WHAT THE EXERCISE ASKS
Print out the data below. Do not alter a single line.

AVAILABLE DATA
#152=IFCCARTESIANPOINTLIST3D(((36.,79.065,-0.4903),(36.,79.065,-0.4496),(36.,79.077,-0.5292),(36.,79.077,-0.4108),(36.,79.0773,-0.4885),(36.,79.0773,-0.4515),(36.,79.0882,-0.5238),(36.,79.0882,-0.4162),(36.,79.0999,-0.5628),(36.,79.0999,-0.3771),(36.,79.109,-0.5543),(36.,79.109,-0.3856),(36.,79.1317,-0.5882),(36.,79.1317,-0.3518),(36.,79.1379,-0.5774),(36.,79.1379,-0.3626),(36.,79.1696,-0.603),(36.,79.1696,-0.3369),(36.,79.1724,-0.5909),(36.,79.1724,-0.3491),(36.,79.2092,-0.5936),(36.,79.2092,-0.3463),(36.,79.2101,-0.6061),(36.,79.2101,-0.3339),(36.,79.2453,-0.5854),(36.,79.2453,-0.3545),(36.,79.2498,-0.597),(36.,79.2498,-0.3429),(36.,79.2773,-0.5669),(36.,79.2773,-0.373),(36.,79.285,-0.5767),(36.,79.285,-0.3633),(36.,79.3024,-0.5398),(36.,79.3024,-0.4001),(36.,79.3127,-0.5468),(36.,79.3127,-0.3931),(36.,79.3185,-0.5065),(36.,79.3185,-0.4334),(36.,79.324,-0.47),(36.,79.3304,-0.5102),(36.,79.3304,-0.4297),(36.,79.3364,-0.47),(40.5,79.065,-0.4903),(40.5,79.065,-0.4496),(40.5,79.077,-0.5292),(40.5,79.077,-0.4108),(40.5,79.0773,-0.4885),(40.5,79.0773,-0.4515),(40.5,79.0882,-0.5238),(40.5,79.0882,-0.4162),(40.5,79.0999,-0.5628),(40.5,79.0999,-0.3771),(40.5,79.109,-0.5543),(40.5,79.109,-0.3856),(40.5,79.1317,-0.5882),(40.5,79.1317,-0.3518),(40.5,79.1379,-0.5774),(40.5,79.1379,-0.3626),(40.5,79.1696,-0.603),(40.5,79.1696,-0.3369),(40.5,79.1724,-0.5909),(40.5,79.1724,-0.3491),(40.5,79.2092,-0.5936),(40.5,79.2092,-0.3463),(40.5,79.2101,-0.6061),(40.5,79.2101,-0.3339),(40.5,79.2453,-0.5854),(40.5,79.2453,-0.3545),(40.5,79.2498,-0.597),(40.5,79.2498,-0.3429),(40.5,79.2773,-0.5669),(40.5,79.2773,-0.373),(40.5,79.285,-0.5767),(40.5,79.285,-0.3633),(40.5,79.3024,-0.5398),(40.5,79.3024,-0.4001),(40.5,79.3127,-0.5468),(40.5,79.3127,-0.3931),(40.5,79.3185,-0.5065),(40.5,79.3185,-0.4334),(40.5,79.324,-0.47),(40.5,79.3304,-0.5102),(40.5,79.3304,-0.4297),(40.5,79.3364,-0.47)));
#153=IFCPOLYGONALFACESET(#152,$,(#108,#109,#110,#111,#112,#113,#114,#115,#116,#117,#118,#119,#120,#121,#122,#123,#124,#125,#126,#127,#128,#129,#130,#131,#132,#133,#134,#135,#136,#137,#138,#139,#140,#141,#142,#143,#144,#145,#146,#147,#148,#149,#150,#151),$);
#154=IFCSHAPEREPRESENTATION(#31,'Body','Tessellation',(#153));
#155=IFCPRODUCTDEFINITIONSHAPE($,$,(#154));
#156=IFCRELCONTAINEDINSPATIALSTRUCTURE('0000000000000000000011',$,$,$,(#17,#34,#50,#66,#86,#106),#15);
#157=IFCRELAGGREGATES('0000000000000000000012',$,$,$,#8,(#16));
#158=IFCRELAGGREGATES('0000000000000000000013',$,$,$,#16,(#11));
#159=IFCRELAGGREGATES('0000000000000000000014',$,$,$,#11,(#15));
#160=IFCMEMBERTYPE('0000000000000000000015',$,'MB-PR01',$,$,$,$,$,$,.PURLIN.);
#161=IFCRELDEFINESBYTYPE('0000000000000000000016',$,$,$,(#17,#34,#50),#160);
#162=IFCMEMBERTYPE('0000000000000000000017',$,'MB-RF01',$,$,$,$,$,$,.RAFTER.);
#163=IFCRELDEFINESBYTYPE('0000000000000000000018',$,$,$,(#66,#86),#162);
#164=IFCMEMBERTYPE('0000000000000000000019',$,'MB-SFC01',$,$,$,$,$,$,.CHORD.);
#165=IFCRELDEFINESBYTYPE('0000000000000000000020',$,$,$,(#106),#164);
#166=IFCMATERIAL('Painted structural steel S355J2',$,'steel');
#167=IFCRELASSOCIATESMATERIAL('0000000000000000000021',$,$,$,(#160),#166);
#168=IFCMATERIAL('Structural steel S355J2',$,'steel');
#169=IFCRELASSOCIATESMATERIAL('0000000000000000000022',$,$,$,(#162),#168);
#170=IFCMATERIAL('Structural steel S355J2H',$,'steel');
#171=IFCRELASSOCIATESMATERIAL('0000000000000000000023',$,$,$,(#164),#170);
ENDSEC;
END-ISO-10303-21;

ANSWER FOR THIS EXERCISE
#152=IFCCARTESIANPOINTLIST3D(((36.,79.065,-0.4903),(36.,79.065,-0.4496),(36.,79.077,-0.5292),(36.,79.077,-0.4108),(36.,79.0773,-0.4885),(36.,79.0773,-0.4515),(36.,79.0882,-0.5238),(36.,79.0882,-0.4162),(36.,79.0999,-0.5628),(36.,79.0999,-0.3771),(36.,79.109,-0.5543),(36.,79.109,-0.3856),(36.,79.1317,-0.5882),(36.,79.1317,-0.3518),(36.,79.1379,-0.5774),(36.,79.1379,-0.3626),(36.,79.1696,-0.603),(36.,79.1696,-0.3369),(36.,79.1724,-0.5909),(36.,79.1724,-0.3491),(36.,79.2092,-0.5936),(36.,79.2092,-0.3463),(36.,79.2101,-0.6061),(36.,79.2101,-0.3339),(36.,79.2453,-0.5854),(36.,79.2453,-0.3545),(36.,79.2498,-0.597),(36.,79.2498,-0.3429),(36.,79.2773,-0.5669),(36.,79.2773,-0.373),(36.,79.285,-0.5767),(36.,79.285,-0.3633),(36.,79.3024,-0.5398),(36.,79.3024,-0.4001),(36.,79.3127,-0.5468),(36.,79.3127,-0.3931),(36.,79.3185,-0.5065),(36.,79.3185,-0.4334),(36.,79.324,-0.47),(36.,79.3304,-0.5102),(36.,79.3304,-0.4297),(36.,79.3364,-0.47),(40.5,79.065,-0.4903),(40.5,79.065,-0.4496),(40.5,79.077,-0.5292),(40.5,79.077,-0.4108),(40.5,79.0773,-0.4885),(40.5,79.0773,-0.4515),(40.5,79.0882,-0.5238),(40.5,79.0882,-0.4162),(40.5,79.0999,-0.5628),(40.5,79.0999,-0.3771),(40.5,79.109,-0.5543),(40.5,79.109,-0.3856),(40.5,79.1317,-0.5882),(40.5,79.1317,-0.3518),(40.5,79.1379,-0.5774),(40.5,79.1379,-0.3626),(40.5,79.1696,-0.603),(40.5,79.1696,-0.3369),(40.5,79.1724,-0.5909),(40.5,79.1724,-0.3491),(40.5,79.2092,-0.5936),(40.5,79.2092,-0.3463),(40.5,79.2101,-0.6061),(40.5,79.2101,-0.3339),(40.5,79.2453,-0.5854),(40.5,79.2453,-0.3545),(40.5,79.2498,-0.597),(40.5,79.2498,-0.3429),(40.5,79.2773,-0.5669),(40.5,79.2773,-0.373),(40.5,79.285,-0.5767),(40.5,79.285,-0.3633),(40.5,79.3024,-0.5398),(40.5,79.3024,-0.4001),(40.5,79.3127,-0.5468),(40.5,79.3127,-0.3931),(40.5,79.3185,-0.5065),(40.5,79.3185,-0.4334),(40.5,79.324,-0.47),(40.5,79.3304,-0.5102),(40.5,79.3304,-0.4297),(40.5,79.3364,-0.47)));
#153=IFCPOLYGONALFACESET(#152,$,(#108,#109,#110,#111,#112,#113,#114,#115,#116,#117,#118,#119,#120,#121,#122,#123,#124,#125,#126,#127,#128,#129,#130,#131,#132,#133,#134,#135,#136,#137,#138,#139,#140,#141,#142,#143,#144,#145,#146,#147,#148,#149,#150,#151),$);
#154=IFCSHAPEREPRESENTATION(#31,'Body','Tessellation',(#153));
#155=IFCPRODUCTDEFINITIONSHAPE($,$,(#154));
#156=IFCRELCONTAINEDINSPATIALSTRUCTURE('0000000000000000000011',$,$,$,(#17,#34,#50,#66,#86,#106),#15);
#157=IFCRELAGGREGATES('0000000000000000000012',$,$,$,#8,(#16));
#158=IFCRELAGGREGATES('0000000000000000000013',$,$,$,#16,(#11));
#159=IFCRELAGGREGATES('0000000000000000000014',$,$,$,#11,(#15));
#160=IFCMEMBERTYPE('0000000000000000000015',$,'MB-PR01',$,$,$,$,$,$,.PURLIN.);
#161=IFCRELDEFINESBYTYPE('0000000000000000000016',$,$,$,(#17,#34,#50),#160);
#162=IFCMEMBERTYPE('0000000000000000000017',$,'MB-RF01',$,$,$,$,$,$,.RAFTER.);
#163=IFCRELDEFINESBYTYPE('0000000000000000000018',$,$,$,(#66,#86),#162);
#164=IFCMEMBERTYPE('0000000000000000000019',$,'MB-SFC01',$,$,$,$,$,$,.CHORD.);
#165=IFCRELDEFINESBYTYPE('0000000000000000000020',$,$,$,(#106),#164);
#166=IFCMATERIAL('Painted structural steel S355J2',$,'steel');
#167=IFCRELASSOCIATESMATERIAL('0000000000000000000021',$,$,$,(#160),#166);
#168=IFCMATERIAL('Structural steel S355J2',$,'steel');
#169=IFCRELASSOCIATESMATERIAL('0000000000000000000022',$,$,$,(#162),#168);
#170=IFCMATERIAL('Structural steel S355J2H',$,'steel');
#171=IFCRELASSOCIATESMATERIAL('0000000000000000000023',$,$,$,(#164),#170);
ENDSEC;
END-ISO-10303-21;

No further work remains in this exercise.